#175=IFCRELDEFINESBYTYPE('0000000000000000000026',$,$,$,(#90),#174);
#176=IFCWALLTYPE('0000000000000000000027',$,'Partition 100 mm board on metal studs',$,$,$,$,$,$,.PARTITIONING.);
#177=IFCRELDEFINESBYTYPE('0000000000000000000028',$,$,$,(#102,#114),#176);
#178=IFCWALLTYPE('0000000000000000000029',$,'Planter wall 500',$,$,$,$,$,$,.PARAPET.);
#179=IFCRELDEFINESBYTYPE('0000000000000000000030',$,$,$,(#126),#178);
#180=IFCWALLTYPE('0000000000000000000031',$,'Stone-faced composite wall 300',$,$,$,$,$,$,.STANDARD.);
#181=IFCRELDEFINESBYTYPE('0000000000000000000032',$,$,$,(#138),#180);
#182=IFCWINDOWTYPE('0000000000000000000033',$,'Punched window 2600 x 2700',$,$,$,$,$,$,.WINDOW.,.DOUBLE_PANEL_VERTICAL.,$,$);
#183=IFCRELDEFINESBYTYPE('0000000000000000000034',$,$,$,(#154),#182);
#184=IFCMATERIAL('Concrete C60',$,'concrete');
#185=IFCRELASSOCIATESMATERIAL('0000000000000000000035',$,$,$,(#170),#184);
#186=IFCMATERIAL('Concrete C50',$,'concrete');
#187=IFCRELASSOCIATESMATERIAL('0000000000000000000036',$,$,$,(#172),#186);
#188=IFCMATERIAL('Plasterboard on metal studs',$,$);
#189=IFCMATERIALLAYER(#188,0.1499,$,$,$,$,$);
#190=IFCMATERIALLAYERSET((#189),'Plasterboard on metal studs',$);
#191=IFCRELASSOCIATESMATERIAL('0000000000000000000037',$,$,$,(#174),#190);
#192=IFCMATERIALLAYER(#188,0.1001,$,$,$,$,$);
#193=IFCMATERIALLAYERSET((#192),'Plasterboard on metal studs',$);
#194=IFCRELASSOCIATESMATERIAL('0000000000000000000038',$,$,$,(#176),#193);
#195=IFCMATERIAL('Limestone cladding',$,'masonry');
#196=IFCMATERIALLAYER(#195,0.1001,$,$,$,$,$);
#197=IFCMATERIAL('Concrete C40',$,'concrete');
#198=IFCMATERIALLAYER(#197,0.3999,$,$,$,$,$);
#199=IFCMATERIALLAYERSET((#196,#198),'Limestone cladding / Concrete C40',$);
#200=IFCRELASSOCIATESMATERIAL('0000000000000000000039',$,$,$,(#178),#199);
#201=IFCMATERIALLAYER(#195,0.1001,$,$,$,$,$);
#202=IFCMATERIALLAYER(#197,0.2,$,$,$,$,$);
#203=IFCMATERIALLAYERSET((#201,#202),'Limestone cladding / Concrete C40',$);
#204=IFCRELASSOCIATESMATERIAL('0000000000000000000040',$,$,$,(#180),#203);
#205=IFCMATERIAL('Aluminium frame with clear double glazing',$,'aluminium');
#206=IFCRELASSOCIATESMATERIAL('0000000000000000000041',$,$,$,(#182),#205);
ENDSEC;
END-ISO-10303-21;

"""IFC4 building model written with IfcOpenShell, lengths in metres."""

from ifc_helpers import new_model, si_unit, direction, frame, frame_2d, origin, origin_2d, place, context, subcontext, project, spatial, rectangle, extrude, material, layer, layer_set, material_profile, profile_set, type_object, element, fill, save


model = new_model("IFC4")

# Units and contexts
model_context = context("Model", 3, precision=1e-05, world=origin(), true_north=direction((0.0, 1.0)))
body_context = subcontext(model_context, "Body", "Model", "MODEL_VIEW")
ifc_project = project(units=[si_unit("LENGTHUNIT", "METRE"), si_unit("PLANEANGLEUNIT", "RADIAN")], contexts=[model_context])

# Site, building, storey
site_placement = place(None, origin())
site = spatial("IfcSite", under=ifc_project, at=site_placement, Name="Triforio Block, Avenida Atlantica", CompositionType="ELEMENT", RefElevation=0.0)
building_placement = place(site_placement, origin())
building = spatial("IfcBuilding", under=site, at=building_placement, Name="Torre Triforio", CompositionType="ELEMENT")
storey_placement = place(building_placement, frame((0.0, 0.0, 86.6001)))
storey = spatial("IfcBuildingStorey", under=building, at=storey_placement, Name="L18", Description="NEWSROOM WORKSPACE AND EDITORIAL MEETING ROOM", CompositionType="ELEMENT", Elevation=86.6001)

_Directions:_
From the listing above, repeat exactly the lines starting at the line that includes "#189=IFCMATERIALLAYER(#188,0.1499,$,$,$,$,$);" and ending at the line that includes "site_placement = place(None, origin())", with nothing outside that span.

_Task solution:_
#189=IFCMATERIALLAYER(#188,0.1499,$,$,$,$,$);
#190=IFCMATERIALLAYERSET((#189),'Plasterboard on metal studs',$);
#191=IFCRELASSOCIATESMATERIAL('0000000000000000000037',$,$,$,(#174),#190);
#192=IFCMATERIALLAYER(#188,0.1001,$,$,$,$,$);
#193=IFCMATERIALLAYERSET((#192),'Plasterboard on metal studs',$);
#194=IFCRELASSOCIATESMATERIAL('0000000000000000000038',$,$,$,(#176),#193);
#195=IFCMATERIAL('Limestone cladding',$,'masonry');
#196=IFCMATERIALLAYER(#195,0.1001,$,$,$,$,$);
#197=IFCMATERIAL('Concrete C40',$,'concrete');
#198=IFCMATERIALLAYER(#197,0.3999,$,$,$,$,$);
#199=IFCMATERIALLAYERSET((#196,#198),'Limestone cladding / Concrete C40',$);
#200=IFCRELASSOCIATESMATERIAL('0000000000000000000039',$,$,$,(#178),#199);
#201=IFCMATERIALLAYER(#195,0.1001,$,$,$,$,$);
#202=IFCMATERIALLAYER(#197,0.2,$,$,$,$,$);
#203=IFCMATERIALLAYERSET((#201,#202),'Limestone cladding / Concrete C40',$);
#204=IFCRELASSOCIATESMATERIAL('0000000000000000000040',$,$,$,(#180),#203);
#205=IFCMATERIAL('Aluminium frame with clear double glazing',$,'aluminium');
#206=IFCRELASSOCIATESMATERIAL('0000000000000000000041',$,$,$,(#182),#205);
ENDSEC;
END-ISO-10303-21;

"""IFC4 building model written with IfcOpenShell, lengths in metres."""

from ifc_helpers import new_model, si_unit, direction, frame, frame_2d, origin, origin_2d, place, context, subcontext, project, spatial, rectangle, extrude, material, layer, layer_set, material_profile, profile_set, type_object, element, fill, save


model = new_model("IFC4")

# Units and contexts
model_context = context("Model", 3, precision=1e-05, world=origin(), true_north=direction((0.0, 1.0)))
body_context = subcontext(model_context, "Body", "Model", "MODEL_VIEW")
ifc_project = project(units=[si_unit("LENGTHUNIT", "METRE"), si_unit("PLANEANGLEUNIT", "RADIAN")], contexts=[model_context])

# Site, building, storey
site_placement = place(None, origin())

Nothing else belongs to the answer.